◆ **THE RECORDS**
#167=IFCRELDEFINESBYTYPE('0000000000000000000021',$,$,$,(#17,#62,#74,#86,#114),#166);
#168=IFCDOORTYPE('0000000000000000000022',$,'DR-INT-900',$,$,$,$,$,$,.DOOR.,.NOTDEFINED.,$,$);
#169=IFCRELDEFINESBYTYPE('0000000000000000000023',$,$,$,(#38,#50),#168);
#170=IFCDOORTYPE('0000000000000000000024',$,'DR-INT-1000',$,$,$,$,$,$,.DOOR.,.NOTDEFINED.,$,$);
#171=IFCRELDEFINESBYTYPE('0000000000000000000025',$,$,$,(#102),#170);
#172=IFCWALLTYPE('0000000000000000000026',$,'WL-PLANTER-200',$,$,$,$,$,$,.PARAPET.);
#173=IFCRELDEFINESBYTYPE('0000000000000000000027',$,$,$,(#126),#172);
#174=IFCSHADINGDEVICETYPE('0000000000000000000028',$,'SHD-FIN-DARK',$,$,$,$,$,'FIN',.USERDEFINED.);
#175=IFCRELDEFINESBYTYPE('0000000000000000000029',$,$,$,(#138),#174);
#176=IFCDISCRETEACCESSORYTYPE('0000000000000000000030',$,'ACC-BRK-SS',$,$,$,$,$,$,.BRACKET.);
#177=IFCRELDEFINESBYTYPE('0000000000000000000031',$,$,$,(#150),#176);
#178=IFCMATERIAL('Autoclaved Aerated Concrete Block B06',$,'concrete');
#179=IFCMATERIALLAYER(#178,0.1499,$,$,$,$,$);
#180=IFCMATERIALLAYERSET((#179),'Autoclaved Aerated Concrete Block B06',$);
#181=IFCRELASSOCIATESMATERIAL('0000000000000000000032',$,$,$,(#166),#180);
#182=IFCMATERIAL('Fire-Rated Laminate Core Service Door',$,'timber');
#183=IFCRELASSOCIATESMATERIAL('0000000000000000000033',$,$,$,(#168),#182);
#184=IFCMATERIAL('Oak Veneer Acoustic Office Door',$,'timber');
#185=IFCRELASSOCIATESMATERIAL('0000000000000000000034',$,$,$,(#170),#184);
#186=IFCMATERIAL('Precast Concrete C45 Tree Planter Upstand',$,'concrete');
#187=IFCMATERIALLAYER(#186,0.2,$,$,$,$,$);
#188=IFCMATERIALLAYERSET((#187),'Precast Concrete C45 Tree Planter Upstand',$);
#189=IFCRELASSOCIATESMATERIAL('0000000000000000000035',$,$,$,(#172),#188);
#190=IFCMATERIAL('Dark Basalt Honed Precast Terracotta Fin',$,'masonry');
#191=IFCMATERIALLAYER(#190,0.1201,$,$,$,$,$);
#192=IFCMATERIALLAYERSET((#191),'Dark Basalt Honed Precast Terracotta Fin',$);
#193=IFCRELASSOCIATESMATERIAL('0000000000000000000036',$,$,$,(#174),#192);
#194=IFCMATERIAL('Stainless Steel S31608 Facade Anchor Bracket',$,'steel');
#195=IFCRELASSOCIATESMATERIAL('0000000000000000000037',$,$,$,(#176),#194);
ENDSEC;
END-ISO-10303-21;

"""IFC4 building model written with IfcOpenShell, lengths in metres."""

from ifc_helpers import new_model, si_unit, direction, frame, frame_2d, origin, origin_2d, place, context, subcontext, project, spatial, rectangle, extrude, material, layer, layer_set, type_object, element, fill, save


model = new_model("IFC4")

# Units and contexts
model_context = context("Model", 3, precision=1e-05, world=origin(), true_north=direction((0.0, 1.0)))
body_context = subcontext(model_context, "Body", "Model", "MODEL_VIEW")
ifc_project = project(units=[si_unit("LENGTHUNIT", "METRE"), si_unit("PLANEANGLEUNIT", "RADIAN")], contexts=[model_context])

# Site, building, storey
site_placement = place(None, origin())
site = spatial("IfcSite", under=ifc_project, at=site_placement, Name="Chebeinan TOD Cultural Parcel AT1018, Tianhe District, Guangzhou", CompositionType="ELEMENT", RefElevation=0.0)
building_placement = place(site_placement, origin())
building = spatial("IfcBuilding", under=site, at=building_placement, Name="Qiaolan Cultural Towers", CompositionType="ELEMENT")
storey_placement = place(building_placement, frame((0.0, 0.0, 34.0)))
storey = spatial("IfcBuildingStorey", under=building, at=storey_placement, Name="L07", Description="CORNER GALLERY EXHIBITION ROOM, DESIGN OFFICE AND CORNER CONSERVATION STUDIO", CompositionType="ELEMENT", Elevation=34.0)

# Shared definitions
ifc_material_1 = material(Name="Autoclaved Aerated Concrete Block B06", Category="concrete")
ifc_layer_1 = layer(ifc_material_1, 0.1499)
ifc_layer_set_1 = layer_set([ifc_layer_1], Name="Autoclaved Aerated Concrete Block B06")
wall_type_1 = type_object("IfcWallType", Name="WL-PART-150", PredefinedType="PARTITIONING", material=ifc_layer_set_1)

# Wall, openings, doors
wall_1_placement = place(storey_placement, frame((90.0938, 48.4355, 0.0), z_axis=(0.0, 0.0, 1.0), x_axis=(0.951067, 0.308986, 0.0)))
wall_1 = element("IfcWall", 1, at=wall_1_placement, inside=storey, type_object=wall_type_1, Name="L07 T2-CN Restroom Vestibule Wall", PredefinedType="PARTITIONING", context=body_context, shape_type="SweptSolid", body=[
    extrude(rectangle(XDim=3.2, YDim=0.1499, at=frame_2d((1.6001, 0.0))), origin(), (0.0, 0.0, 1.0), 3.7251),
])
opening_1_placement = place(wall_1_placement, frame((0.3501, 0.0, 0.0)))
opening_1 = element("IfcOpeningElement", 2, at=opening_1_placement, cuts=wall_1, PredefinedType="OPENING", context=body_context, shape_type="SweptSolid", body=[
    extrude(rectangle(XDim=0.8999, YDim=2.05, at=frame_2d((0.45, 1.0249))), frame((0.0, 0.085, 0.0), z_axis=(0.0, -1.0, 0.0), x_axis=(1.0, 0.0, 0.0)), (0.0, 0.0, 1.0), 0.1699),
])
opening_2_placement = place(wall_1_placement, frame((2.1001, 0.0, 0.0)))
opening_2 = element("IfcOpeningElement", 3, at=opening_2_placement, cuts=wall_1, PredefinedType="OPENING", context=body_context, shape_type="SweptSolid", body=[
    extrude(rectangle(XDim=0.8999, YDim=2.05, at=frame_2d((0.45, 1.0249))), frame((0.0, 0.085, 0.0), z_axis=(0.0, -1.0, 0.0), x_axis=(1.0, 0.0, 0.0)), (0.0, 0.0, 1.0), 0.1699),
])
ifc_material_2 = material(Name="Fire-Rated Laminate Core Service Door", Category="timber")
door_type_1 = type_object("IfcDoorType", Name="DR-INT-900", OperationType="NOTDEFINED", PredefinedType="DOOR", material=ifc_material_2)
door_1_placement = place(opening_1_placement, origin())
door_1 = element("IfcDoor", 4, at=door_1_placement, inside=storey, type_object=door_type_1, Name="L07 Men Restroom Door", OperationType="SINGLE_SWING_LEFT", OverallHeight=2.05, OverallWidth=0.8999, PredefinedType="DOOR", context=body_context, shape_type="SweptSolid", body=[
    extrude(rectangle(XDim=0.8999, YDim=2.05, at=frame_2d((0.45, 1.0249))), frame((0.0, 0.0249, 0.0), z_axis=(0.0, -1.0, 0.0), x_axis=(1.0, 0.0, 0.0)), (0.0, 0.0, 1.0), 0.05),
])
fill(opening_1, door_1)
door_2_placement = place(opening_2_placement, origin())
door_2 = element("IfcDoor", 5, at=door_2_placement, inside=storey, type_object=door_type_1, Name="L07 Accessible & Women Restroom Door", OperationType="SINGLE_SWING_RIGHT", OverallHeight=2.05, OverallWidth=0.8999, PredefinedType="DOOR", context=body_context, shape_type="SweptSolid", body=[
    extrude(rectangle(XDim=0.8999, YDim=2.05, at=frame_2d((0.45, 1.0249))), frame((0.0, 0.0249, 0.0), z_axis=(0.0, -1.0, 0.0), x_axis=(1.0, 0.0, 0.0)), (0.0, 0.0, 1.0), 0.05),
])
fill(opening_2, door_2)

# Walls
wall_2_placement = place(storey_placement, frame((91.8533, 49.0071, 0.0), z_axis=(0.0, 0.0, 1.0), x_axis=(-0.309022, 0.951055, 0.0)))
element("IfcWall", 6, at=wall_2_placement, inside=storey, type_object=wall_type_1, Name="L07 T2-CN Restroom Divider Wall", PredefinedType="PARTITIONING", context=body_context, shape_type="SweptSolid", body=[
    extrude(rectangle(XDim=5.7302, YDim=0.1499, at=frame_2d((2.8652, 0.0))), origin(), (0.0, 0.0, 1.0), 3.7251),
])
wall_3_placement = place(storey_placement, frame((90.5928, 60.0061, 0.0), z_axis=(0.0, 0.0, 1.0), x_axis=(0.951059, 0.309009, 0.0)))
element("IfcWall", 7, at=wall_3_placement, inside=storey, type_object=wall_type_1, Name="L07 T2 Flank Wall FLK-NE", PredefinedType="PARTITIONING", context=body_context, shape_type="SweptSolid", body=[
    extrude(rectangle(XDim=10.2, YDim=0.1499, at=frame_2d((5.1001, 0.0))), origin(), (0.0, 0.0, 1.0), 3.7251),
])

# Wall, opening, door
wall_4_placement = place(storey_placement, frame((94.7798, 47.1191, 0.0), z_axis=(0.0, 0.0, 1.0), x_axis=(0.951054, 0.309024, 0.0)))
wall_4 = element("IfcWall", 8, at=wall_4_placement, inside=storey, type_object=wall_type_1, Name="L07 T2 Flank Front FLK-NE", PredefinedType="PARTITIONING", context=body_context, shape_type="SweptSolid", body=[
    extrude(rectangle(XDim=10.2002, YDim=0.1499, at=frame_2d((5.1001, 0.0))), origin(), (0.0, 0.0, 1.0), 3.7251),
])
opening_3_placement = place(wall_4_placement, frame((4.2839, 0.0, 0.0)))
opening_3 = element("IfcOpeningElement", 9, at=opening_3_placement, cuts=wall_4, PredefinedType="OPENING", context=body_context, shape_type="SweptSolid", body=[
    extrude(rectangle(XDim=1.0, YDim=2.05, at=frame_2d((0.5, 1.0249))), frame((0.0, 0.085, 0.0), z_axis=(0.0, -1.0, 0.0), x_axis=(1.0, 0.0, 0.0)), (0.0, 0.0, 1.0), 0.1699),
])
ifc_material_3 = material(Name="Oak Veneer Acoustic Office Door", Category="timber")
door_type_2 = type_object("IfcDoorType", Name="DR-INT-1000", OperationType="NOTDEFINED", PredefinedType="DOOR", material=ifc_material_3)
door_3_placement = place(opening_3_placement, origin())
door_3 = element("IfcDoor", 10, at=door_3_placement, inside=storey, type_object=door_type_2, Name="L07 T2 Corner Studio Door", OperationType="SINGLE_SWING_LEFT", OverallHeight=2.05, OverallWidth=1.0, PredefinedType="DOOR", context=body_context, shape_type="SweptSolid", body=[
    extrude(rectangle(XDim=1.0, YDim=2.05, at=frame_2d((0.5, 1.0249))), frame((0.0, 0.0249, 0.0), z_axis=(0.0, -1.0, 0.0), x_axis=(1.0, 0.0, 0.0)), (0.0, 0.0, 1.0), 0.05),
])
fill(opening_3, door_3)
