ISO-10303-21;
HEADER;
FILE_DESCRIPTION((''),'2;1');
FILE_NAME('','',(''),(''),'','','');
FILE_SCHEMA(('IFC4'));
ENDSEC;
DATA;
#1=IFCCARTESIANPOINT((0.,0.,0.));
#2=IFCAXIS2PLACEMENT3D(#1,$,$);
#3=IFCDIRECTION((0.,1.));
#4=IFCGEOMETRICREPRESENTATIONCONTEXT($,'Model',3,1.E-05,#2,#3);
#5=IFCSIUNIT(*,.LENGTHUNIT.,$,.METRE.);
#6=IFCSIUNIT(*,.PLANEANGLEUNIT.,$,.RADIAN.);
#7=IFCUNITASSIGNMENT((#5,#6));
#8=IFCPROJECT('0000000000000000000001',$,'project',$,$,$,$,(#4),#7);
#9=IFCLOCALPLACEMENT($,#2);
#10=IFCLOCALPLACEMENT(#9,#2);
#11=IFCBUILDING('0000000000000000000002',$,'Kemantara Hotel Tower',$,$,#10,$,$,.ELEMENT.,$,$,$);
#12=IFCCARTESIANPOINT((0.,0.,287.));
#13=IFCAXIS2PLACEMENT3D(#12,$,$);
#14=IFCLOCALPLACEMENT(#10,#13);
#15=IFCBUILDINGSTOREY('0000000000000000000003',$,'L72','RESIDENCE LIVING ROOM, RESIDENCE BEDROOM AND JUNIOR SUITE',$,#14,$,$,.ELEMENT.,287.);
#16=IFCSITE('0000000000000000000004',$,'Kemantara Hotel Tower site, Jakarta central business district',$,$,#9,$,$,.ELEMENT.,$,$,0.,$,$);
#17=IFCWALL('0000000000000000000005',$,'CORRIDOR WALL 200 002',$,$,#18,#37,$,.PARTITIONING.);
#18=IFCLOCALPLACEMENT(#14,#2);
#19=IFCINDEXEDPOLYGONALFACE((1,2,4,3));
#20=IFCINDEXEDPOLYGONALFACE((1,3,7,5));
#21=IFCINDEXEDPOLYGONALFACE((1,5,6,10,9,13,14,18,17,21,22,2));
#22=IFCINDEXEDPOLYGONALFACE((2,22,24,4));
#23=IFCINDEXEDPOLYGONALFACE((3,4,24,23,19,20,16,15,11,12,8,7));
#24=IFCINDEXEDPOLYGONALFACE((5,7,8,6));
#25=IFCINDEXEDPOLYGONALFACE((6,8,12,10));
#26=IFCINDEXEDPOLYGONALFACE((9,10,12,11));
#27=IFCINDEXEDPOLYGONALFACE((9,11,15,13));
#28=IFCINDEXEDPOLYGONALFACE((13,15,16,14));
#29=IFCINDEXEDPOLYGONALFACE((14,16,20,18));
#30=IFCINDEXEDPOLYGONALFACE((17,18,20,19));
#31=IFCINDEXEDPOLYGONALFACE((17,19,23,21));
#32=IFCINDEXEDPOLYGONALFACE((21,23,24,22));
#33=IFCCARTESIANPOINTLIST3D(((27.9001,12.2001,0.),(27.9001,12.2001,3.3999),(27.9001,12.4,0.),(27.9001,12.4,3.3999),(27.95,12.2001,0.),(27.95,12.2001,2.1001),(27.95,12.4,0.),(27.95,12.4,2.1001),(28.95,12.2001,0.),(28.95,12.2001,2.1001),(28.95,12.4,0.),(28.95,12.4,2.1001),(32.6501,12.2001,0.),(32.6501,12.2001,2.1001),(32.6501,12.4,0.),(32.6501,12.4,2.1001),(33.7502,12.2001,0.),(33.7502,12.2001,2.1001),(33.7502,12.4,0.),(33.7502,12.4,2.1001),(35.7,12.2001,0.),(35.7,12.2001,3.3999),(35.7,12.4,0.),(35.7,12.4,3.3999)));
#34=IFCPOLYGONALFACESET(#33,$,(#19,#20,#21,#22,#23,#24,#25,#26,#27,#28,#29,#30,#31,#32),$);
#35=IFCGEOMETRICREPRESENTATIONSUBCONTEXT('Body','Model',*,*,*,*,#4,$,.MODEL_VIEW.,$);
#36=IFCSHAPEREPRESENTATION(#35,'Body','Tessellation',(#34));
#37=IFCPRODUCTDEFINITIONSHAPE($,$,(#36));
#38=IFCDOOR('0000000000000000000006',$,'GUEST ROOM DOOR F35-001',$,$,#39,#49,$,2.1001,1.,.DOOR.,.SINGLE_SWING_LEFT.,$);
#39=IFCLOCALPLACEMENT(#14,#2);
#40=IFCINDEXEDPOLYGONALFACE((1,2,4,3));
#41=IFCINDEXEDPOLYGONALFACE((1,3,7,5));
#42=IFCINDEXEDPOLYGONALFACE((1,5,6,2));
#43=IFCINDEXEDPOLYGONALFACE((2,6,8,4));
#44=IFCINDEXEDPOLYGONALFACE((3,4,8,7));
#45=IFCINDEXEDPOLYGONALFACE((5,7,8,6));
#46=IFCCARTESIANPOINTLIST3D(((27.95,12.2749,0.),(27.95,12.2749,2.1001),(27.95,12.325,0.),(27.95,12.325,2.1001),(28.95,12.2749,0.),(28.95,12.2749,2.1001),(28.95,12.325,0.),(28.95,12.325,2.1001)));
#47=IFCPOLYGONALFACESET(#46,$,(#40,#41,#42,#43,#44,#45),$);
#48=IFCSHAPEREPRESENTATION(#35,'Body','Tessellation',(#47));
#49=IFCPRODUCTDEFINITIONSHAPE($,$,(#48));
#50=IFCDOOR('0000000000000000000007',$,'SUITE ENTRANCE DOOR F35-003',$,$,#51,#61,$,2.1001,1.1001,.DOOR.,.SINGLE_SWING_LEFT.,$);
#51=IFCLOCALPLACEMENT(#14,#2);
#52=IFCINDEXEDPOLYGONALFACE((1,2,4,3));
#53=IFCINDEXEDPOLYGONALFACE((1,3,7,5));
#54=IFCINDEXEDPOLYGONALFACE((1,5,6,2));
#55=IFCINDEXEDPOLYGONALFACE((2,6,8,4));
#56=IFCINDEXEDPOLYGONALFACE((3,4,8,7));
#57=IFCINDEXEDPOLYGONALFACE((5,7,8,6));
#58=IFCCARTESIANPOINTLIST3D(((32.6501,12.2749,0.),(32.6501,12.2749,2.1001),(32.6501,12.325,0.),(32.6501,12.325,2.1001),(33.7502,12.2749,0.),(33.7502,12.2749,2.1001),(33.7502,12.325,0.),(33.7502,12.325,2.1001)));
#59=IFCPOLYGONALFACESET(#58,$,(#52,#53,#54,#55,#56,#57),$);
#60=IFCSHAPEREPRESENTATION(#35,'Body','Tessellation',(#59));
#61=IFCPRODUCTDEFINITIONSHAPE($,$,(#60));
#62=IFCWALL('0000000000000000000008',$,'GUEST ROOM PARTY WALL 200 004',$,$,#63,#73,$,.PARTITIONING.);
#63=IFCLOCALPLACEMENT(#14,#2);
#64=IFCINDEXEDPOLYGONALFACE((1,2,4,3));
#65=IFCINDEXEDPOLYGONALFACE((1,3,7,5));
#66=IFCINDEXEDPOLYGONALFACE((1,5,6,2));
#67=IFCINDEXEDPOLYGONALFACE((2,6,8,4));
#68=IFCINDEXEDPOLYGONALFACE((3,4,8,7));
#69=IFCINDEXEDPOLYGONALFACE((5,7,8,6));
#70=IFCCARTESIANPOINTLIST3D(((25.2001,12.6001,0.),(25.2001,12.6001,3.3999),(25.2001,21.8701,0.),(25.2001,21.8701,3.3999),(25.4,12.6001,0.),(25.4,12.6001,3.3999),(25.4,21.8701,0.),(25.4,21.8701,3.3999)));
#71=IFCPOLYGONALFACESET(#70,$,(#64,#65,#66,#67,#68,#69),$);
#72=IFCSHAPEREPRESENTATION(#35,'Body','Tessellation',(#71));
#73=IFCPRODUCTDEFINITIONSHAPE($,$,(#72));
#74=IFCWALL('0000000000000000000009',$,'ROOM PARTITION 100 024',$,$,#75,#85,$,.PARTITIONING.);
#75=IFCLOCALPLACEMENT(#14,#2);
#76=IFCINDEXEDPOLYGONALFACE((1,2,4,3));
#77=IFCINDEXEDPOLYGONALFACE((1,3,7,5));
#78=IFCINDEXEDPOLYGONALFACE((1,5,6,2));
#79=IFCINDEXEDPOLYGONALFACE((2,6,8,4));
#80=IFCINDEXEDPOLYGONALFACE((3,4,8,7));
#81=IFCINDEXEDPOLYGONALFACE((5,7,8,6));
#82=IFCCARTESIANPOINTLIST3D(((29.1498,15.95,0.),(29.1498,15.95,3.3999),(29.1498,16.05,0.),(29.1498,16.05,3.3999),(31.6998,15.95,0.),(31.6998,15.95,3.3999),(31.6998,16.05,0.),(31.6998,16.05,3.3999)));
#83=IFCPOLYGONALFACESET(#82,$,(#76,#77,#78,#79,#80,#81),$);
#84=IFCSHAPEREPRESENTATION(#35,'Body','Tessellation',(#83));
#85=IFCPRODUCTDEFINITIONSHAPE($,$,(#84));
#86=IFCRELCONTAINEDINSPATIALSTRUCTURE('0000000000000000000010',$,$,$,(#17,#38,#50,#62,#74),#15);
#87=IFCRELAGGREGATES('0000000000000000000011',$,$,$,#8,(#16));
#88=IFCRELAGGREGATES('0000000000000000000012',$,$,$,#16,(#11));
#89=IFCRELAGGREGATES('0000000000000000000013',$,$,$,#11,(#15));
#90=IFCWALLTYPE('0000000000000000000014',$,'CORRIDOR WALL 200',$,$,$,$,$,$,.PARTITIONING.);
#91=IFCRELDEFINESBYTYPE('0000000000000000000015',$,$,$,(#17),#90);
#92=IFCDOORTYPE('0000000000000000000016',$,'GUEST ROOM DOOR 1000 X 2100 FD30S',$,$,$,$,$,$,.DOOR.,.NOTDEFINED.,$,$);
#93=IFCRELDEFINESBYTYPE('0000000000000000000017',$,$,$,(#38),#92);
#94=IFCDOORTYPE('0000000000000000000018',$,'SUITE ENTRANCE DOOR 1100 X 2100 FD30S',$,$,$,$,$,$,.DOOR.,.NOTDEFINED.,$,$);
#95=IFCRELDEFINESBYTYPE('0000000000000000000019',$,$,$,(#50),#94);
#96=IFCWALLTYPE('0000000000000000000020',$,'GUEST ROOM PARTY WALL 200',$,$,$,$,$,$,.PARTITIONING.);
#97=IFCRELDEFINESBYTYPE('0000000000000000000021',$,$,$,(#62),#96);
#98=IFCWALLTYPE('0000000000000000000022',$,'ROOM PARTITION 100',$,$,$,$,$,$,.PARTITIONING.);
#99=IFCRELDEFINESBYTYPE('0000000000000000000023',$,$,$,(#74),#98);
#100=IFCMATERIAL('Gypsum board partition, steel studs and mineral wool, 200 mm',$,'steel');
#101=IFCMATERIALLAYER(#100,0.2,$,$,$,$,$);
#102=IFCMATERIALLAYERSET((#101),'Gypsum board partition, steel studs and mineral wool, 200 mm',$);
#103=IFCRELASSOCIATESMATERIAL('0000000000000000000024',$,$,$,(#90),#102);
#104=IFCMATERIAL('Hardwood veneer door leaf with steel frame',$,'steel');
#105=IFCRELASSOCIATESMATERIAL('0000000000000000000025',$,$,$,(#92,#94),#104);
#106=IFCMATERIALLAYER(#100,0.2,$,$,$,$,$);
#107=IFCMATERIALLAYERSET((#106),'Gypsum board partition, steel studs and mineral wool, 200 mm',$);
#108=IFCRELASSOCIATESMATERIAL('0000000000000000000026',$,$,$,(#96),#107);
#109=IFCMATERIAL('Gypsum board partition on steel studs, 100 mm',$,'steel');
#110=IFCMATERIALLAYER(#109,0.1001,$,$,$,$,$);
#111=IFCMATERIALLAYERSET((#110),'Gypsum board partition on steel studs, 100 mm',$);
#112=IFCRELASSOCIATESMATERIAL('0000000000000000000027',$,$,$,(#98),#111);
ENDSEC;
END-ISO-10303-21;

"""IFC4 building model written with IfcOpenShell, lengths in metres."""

from ifc_helpers import new_model, si_unit, direction, frame, frame_2d, origin, place, context, subcontext, project, spatial, rectangle, extrude, material, layer, layer_set, type_object, element, fill, save


model = new_model("IFC4")

# Units and contexts
model_context = context("Model", 3, precision=1e-05, world=origin(), true_north=direction((0.0, 1.0)))
body_context = subcontext(model_context, "Body", "Model", "MODEL_VIEW")
ifc_project = project(units=[si_unit("LENGTHUNIT", "METRE"), si_unit("PLANEANGLEUNIT", "RADIAN")], contexts=[model_context])

# Site, building, storey
site_placement = place(None, origin())
site = spatial("IfcSite", under=ifc_project, at=site_placement, Name="Kemantara Hotel Tower site, Jakarta central business district", CompositionType="ELEMENT", RefElevation=0.0)
building_placement = place(site_placement, origin())
building = spatial("IfcBuilding", under=site, at=building_placement, Name="Kemantara Hotel Tower", CompositionType="ELEMENT")
storey_placement = place(building_placement, frame((0.0, 0.0, 287.0)))
storey = spatial("IfcBuildingStorey", under=building, at=storey_placement, Name="L72", Description="RESIDENCE LIVING ROOM, RESIDENCE BEDROOM AND JUNIOR SUITE", CompositionType="ELEMENT", Elevation=287.0)

# Shared definitions
ifc_material_1 = material(Name="Gypsum board partition, steel studs and mineral wool, 200 mm", Category="steel")
ifc_layer_1 = layer(ifc_material_1, 0.2)
ifc_layer_set_1 = layer_set([ifc_layer_1], Name="Gypsum board partition, steel studs and mineral wool, 200 mm")
wall_type_1 = type_object("IfcWallType", Name="CORRIDOR WALL 200", PredefinedType="PARTITIONING", material=ifc_layer_set_1)

# Wall, openings, doors
wall_1_placement = place(storey_placement, frame((27.9001, 12.3, 0.0), z_axis=(0.0, 0.0, 1.0), x_axis=(1.0, 0.0, 0.0)))
wall_1 = element("IfcWall", 1, at=wall_1_placement, inside=storey, type_object=wall_type_1, Name="CORRIDOR WALL 200 002", PredefinedType="PARTITIONING", context=body_context, shape_type="SweptSolid", body=[
    extrude(rectangle(XDim=7.7998, YDim=0.2, at=frame_2d((3.8999, 0.0))), origin(), (0.0, 0.0, 1.0), 3.3999),
])
opening_1_placement = place(wall_1_placement, frame((0.0498, 0.0, 0.0)))
opening_1 = element("IfcOpeningElement", 2, at=opening_1_placement, cuts=wall_1, PredefinedType="OPENING", context=body_context, shape_type="SweptSolid", body=[
    extrude(rectangle(XDim=1.0, YDim=2.1001, at=frame_2d((0.5, 1.05))), frame((0.0, 0.1099, 0.0), z_axis=(0.0, -1.0, 0.0), x_axis=(1.0, 0.0, 0.0)), (0.0, 0.0, 1.0), 0.22),
])
opening_2_placement = place(wall_1_placement, frame((4.75, 0.0, 0.0)))
opening_2 = element("IfcOpeningElement", 3, at=opening_2_placement, cuts=wall_1, PredefinedType="OPENING", context=body_context, shape_type="SweptSolid", body=[
    extrude(rectangle(XDim=1.1001, YDim=2.1001, at=frame_2d((0.55, 1.05))), frame((0.0, 0.1099, 0.0), z_axis=(0.0, -1.0, 0.0), x_axis=(1.0, 0.0, 0.0)), (0.0, 0.0, 1.0), 0.22),
])
ifc_material_2 = material(Name="Hardwood veneer door leaf with steel frame", Category="steel")
door_type_1 = type_object("IfcDoorType", Name="GUEST ROOM DOOR 1000 X 2100 FD30S", OperationType="NOTDEFINED", PredefinedType="DOOR", material=ifc_material_2)
door_1_placement = place(opening_1_placement, origin())
door_1 = element("IfcDoor", 4, at=door_1_placement, inside=storey, type_object=door_type_1, Name="GUEST ROOM DOOR F35-001", OperationType="SINGLE_SWING_LEFT", OverallHeight=2.1001, OverallWidth=1.0, PredefinedType="DOOR", context=body_context, shape_type="SweptSolid", body=[
    extrude(rectangle(XDim=1.0, YDim=2.1001, at=frame_2d((0.5, 1.05))), frame((0.0, 0.0249, 0.0), z_axis=(0.0, -1.0, 0.0), x_axis=(1.0, 0.0, 0.0)), (0.0, 0.0, 1.0), 0.05),
])
fill(opening_1, door_1)
door_type_2 = type_object("IfcDoorType", Name="SUITE ENTRANCE DOOR 1100 X 2100 FD30S", OperationType="NOTDEFINED", PredefinedType="DOOR", material=ifc_material_2)
door_2_placement = place(opening_2_placement, origin())
door_2 = element("IfcDoor", 5, at=door_2_placement, inside=storey, type_object=door_type_2, Name="SUITE ENTRANCE DOOR F35-003", OperationType="SINGLE_SWING_LEFT", OverallHeight=2.1001, OverallWidth=1.1001, PredefinedType="DOOR", context=body_context, shape_type="SweptSolid", body=[
    extrude(rectangle(XDim=1.1001, YDim=2.1001, at=frame_2d((0.55, 1.05))), frame((0.0, 0.0249, 0.0), z_axis=(0.0, -1.0, 0.0), x_axis=(1.0, 0.0, 0.0)), (0.0, 0.0, 1.0), 0.05),
])
fill(opening_2, door_2)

◆ **DIRECTIONS FOR THIS TASK**
In the data above, repeat exactly each line from the first through the line that contains "#191=IFCMATERIALLAYER(#190,0.1201,$,$,$,$,$);", and give nothing else.

◆ **RESULT**
#167=IFCRELDEFINESBYTYPE('0000000000000000000021',$,$,$,(#17,#62,#74,#86,#114),#166);
#168=IFCDOORTYPE('0000000000000000000022',$,'DR-INT-900',$,$,$,$,$,$,.DOOR.,.NOTDEFINED.,$,$);
#169=IFCRELDEFINESBYTYPE('0000000000000000000023',$,$,$,(#38,#50),#168);
#170=IFCDOORTYPE('0000000000000000000024',$,'DR-INT-1000',$,$,$,$,$,$,.DOOR.,.NOTDEFINED.,$,$);
#171=IFCRELDEFINESBYTYPE('0000000000000000000025',$,$,$,(#102),#170);
#172=IFCWALLTYPE('0000000000000000000026',$,'WL-PLANTER-200',$,$,$,$,$,$,.PARAPET.);
#173=IFCRELDEFINESBYTYPE('0000000000000000000027',$,$,$,(#126),#172);
#174=IFCSHADINGDEVICETYPE('0000000000000000000028',$,'SHD-FIN-DARK',$,$,$,$,$,'FIN',.USERDEFINED.);
#175=IFCRELDEFINESBYTYPE('0000000000000000000029',$,$,$,(#138),#174);
#176=IFCDISCRETEACCESSORYTYPE('0000000000000000000030',$,'ACC-BRK-SS',$,$,$,$,$,$,.BRACKET.);
#177=IFCRELDEFINESBYTYPE('0000000000000000000031',$,$,$,(#150),#176);
#178=IFCMATERIAL('Autoclaved Aerated Concrete Block B06',$,'concrete');
#179=IFCMATERIALLAYER(#178,0.1499,$,$,$,$,$);
#180=IFCMATERIALLAYERSET((#179),'Autoclaved Aerated Concrete Block B06',$);
#181=IFCRELASSOCIATESMATERIAL('0000000000000000000032',$,$,$,(#166),#180);
#182=IFCMATERIAL('Fire-Rated Laminate Core Service Door',$,'timber');
#183=IFCRELASSOCIATESMATERIAL('0000000000000000000033',$,$,$,(#168),#182);
#184=IFCMATERIAL('Oak Veneer Acoustic Office Door',$,'timber');
#185=IFCRELASSOCIATESMATERIAL('0000000000000000000034',$,$,$,(#170),#184);
#186=IFCMATERIAL('Precast Concrete C45 Tree Planter Upstand',$,'concrete');
#187=IFCMATERIALLAYER(#186,0.2,$,$,$,$,$);
#188=IFCMATERIALLAYERSET((#187),'Precast Concrete C45 Tree Planter Upstand',$);
#189=IFCRELASSOCIATESMATERIAL('0000000000000000000035',$,$,$,(#172),#188);
#190=IFCMATERIAL('Dark Basalt Honed Precast Terracotta Fin',$,'masonry');
#191=IFCMATERIALLAYER(#190,0.1201,$,$,$,$,$);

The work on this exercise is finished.